[Data excerpts]
--------

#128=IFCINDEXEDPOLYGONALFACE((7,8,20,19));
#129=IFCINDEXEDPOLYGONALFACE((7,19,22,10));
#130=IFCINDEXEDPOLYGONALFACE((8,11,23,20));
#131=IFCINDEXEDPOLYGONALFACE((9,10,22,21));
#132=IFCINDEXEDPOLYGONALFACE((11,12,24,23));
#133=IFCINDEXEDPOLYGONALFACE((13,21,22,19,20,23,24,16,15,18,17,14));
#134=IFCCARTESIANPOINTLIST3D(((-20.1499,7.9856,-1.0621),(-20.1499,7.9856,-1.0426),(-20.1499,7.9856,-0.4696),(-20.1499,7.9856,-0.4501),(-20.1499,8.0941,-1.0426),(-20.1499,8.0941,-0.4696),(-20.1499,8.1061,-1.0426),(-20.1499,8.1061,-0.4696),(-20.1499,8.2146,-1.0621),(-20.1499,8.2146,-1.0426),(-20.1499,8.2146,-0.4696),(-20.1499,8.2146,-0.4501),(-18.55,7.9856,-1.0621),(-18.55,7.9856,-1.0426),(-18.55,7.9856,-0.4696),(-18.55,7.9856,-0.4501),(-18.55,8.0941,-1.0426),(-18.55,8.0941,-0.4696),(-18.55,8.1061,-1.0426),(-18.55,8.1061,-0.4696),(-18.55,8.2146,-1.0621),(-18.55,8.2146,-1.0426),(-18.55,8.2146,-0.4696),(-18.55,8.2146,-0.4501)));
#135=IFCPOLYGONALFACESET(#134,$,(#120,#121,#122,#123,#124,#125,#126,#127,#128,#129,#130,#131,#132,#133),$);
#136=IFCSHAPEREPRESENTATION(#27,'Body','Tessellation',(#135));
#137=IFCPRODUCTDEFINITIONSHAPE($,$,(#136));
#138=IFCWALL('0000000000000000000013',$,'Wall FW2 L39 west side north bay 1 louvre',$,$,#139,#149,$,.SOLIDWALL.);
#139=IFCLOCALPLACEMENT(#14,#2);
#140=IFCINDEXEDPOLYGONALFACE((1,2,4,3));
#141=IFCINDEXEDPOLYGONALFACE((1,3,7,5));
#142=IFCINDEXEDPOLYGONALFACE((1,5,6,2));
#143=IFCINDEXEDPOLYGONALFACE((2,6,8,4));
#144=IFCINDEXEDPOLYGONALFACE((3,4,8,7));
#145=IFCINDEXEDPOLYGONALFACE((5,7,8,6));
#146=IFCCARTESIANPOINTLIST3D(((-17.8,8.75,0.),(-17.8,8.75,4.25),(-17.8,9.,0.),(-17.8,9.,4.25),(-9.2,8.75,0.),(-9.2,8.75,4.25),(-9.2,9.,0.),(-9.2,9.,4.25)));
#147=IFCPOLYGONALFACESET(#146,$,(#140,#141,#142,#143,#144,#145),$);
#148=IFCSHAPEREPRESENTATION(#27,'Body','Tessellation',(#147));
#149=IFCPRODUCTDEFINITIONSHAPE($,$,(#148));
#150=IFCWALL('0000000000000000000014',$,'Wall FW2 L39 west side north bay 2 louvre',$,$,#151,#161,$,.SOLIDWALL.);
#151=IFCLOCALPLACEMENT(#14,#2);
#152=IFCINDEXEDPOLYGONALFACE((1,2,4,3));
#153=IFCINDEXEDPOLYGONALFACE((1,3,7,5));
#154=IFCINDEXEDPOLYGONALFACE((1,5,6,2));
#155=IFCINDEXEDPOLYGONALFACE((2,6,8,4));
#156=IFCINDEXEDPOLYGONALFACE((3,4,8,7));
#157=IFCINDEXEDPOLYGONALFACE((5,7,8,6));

--------

## WHAT IS REQUIRED
For the string "SOLIDWALL", search the preceding data and copy every line that includes it.

## RESPONSE TO THE TASK
#138=IFCWALL('0000000000000000000013',$,'Wall FW2 L39 west side north bay 1 louvre',$,$,#139,#149,$,.SOLIDWALL.);
#150=IFCWALL('0000000000000000000014',$,'Wall FW2 L39 west side north bay 2 louvre',$,$,#151,#161,$,.SOLIDWALL.);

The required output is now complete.